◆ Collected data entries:
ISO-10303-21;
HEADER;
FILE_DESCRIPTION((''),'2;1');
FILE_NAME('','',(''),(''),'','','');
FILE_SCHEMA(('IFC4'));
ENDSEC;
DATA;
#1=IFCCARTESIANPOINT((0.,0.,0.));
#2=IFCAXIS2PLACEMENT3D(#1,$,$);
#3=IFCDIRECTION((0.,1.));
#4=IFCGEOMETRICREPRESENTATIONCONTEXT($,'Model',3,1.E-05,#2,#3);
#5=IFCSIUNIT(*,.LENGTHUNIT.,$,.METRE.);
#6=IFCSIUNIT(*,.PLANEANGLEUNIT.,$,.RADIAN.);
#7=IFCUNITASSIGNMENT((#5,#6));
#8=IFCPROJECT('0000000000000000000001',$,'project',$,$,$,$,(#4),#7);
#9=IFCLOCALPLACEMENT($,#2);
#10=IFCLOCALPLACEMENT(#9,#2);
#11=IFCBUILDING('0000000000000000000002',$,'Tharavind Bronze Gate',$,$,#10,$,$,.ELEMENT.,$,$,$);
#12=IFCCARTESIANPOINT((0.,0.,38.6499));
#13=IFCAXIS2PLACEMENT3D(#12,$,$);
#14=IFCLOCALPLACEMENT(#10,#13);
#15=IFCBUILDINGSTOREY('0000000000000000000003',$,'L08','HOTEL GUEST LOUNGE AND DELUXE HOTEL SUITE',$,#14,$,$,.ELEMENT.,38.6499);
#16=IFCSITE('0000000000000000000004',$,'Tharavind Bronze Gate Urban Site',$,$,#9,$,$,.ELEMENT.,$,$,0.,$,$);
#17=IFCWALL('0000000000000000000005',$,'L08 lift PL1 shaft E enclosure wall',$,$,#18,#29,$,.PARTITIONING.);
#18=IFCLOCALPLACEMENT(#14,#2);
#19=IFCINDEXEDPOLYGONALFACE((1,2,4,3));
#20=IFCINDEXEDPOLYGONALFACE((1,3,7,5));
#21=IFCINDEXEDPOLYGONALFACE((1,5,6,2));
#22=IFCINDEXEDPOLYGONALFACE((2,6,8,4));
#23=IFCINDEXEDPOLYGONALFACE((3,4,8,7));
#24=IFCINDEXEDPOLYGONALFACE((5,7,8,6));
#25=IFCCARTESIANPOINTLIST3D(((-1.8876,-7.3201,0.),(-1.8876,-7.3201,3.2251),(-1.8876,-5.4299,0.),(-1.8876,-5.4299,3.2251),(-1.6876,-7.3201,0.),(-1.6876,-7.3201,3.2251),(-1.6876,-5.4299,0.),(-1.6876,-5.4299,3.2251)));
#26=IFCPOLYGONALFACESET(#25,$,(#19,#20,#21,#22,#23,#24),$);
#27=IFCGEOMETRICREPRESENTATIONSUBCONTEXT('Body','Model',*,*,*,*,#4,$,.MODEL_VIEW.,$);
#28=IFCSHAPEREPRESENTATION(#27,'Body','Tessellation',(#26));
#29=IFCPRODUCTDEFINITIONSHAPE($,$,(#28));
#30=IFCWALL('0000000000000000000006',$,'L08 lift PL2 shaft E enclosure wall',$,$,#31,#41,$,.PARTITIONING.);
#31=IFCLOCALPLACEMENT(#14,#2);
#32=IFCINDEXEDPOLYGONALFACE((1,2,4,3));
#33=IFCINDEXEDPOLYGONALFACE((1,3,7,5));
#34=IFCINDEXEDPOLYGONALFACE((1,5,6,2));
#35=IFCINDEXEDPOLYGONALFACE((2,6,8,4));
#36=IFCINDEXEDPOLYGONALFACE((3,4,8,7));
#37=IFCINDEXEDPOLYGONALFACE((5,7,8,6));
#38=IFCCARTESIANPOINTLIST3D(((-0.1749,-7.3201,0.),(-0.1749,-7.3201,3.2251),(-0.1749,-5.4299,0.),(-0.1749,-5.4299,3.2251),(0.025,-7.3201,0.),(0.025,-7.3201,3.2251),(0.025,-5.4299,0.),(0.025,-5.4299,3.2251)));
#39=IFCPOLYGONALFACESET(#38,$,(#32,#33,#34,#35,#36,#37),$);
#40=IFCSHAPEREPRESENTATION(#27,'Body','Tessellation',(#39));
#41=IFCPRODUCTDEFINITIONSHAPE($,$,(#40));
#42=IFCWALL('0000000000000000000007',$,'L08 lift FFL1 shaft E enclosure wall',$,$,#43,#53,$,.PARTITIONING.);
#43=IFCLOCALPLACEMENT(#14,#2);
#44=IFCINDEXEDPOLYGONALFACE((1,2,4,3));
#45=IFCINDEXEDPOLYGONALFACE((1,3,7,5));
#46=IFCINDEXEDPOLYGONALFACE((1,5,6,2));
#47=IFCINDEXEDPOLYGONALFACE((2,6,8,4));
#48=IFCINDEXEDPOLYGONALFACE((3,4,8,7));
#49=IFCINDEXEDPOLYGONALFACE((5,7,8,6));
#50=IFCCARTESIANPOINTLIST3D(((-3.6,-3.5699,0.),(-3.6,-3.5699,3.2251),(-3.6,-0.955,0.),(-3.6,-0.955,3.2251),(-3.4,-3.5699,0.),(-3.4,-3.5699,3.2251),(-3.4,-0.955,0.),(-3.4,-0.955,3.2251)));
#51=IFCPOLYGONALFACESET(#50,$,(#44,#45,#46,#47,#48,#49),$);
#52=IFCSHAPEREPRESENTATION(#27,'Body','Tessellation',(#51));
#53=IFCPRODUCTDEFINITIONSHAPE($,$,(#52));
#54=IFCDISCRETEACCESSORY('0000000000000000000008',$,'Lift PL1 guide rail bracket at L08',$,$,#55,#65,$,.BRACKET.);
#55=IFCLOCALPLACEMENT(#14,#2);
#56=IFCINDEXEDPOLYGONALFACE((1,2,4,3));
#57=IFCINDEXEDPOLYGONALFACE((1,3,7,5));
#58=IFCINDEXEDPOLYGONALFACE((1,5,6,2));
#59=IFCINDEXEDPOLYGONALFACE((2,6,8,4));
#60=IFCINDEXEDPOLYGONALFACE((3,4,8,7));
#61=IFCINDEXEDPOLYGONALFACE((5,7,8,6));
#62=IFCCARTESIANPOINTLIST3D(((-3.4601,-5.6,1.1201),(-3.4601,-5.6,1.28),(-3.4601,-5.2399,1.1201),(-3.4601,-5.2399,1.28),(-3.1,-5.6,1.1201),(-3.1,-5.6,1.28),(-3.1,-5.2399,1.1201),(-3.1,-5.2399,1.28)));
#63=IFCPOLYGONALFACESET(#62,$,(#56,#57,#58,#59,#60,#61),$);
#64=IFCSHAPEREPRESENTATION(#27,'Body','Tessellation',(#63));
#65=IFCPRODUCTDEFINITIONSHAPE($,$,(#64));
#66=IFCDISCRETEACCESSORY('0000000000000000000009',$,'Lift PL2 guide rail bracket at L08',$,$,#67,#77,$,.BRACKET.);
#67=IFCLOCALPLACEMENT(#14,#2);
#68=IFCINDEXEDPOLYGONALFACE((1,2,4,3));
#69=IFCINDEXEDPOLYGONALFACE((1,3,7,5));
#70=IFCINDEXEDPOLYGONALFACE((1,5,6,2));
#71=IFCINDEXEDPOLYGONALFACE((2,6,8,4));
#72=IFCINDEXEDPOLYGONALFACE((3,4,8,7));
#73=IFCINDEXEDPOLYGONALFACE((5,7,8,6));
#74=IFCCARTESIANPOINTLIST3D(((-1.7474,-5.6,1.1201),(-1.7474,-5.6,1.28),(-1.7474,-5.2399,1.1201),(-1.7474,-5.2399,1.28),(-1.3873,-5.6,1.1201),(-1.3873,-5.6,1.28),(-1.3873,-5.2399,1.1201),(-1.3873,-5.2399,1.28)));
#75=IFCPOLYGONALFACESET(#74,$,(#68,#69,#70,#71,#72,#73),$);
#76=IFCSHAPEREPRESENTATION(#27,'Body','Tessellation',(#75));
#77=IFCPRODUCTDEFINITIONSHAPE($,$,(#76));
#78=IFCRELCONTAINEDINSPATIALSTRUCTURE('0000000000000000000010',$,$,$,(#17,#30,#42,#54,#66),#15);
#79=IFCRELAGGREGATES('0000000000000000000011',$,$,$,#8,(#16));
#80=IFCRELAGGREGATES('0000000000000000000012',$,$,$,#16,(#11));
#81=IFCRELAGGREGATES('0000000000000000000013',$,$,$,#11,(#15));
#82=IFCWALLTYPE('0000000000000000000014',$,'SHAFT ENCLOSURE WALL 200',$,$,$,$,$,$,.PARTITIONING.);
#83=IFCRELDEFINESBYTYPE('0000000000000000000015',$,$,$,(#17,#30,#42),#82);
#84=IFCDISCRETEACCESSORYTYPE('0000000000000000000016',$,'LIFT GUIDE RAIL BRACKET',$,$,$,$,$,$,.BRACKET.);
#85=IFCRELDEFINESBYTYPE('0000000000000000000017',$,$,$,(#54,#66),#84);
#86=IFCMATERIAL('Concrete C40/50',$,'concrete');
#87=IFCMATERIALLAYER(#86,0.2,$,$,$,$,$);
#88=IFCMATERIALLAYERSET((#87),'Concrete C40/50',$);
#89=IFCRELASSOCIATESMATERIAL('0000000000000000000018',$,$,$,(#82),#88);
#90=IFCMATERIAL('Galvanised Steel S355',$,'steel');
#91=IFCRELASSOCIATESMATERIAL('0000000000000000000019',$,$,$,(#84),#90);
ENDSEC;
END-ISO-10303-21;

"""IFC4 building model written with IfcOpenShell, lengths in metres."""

from ifc_helpers import new_model, si_unit, direction, frame, frame_2d, origin, origin_2d, place, context, subcontext, project, spatial, rectangle, extrude, material, layer, layer_set, type_object, element, save


model = new_model("IFC4")

# Units and contexts
model_context = context("Model", 3, precision=1e-05, world=origin(), true_north=direction((0.0, 1.0)))
body_context = subcontext(model_context, "Body", "Model", "MODEL_VIEW")
ifc_project = project(units=[si_unit("LENGTHUNIT", "METRE"), si_unit("PLANEANGLEUNIT", "RADIAN")], contexts=[model_context])

# Site, building, storey
site_placement = place(None, origin())
site = spatial("IfcSite", under=ifc_project, at=site_placement, Name="Tharavind Bronze Gate Urban Site", CompositionType="ELEMENT", RefElevation=0.0)
building_placement = place(site_placement, origin())
building = spatial("IfcBuilding", under=site, at=building_placement, Name="Tharavind Bronze Gate", CompositionType="ELEMENT")
storey_placement = place(building_placement, frame((0.0, 0.0, 38.6499)))
storey = spatial("IfcBuildingStorey", under=building, at=storey_placement, Name="L08", Description="HOTEL GUEST LOUNGE AND DELUXE HOTEL SUITE", CompositionType="ELEMENT", Elevation=38.6499)

# Walls
ifc_material_1 = material(Name="Concrete C40/50", Category="concrete")
ifc_layer_1 = layer(ifc_material_1, 0.2)
ifc_layer_set_1 = layer_set([ifc_layer_1], Name="Concrete C40/50")
wall_type_1 = type_object("IfcWallType", Name="SHAFT ENCLOSURE WALL 200", PredefinedType="PARTITIONING", material=ifc_layer_set_1)
for number, where, z_axis, x_axis, name in (
    (1, (-1.7876, -7.3201, 0.0), (0.0, 0.0, 1.0), (0.0, 1.0, 0.0), "L08 lift PL1 shaft E enclosure wall"),
    (2, (-0.075, -7.3201, 0.0), (0.0, 0.0, 1.0), (0.0, 1.0, 0.0), "L08 lift PL2 shaft E enclosure wall"),
):
    element("IfcWall", number, at=place(storey_placement, frame(where, z_axis=z_axis, x_axis=x_axis)), inside=storey, type_object=wall_type_1, Name=name, PredefinedType="PARTITIONING", context=body_context, shape_type="SweptSolid", body=[
        extrude(rectangle(XDim=1.8901, YDim=0.2, at=frame_2d((0.9451, 0.0))), origin(), (0.0, 0.0, 1.0), 3.2251),
    ])
wall_1_placement = place(storey_placement, frame((-3.5, -3.5701, 0.0), z_axis=(0.0, 0.0, 1.0), x_axis=(0.0, 1.0, 0.0)))
element("IfcWall", 3, at=wall_1_placement, inside=storey, type_object=wall_type_1, Name="L08 lift FFL1 shaft E enclosure wall", PredefinedType="PARTITIONING", context=body_context, shape_type="SweptSolid", body=[
    extrude(rectangle(XDim=2.615, YDim=0.2, at=frame_2d((1.3076, 0.0))), origin(), (0.0, 0.0, 1.0), 3.2251),
])

# Discrete accessories
ifc_material_2 = material(Name="Galvanised Steel S355", Category="steel")
discrete_accessory_type = type_object("IfcDiscreteAccessoryType", Name="LIFT GUIDE RAIL BRACKET", PredefinedType="BRACKET", material=ifc_material_2)
for number, where, z_axis, x_axis, name in (
    (4, (-3.28, -5.4199, 1.1201), (0.0, 0.0, 1.0), (1.0, 0.0, 0.0), "Lift PL1 guide rail bracket at L08"),
    (5, (-1.5674, -5.4199, 1.1201), (0.0, 0.0, 1.0), (1.0, 0.0, 0.0), "Lift PL2 guide rail bracket at L08"),
):
    element("IfcDiscreteAccessory", number, at=place(storey_placement, frame(where, z_axis=z_axis, x_axis=x_axis)), inside=storey, type_object=discrete_accessory_type, Name=name, PredefinedType="BRACKET", context=body_context, shape_type="SweptSolid", body=[
        extrude(rectangle(XDim=0.3601, YDim=0.3601, at=origin_2d()), origin(), (0.0, 0.0, 1.0), 0.1599),
    ])

save(model, "model.ifc")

◆ Exercise requirements:
Here the output must be the lines above from the line with "#18=IFCLOCALPLACEMENT(#14,#2);" to the line with "#24=IFCINDEXEDPOLYGONALFACE((5,7,8,6));", both included, duplicated word for word and nothing else.

◆ Reply:
#18=IFCLOCALPLACEMENT(#14,#2);
#19=IFCINDEXEDPOLYGONALFACE((1,2,4,3));
#20=IFCINDEXEDPOLYGONALFACE((1,3,7,5));
#21=IFCINDEXEDPOLYGONALFACE((1,5,6,2));
#22=IFCINDEXEDPOLYGONALFACE((2,6,8,4));
#23=IFCINDEXEDPOLYGONALFACE((3,4,8,7));
#24=IFCINDEXEDPOLYGONALFACE((5,7,8,6));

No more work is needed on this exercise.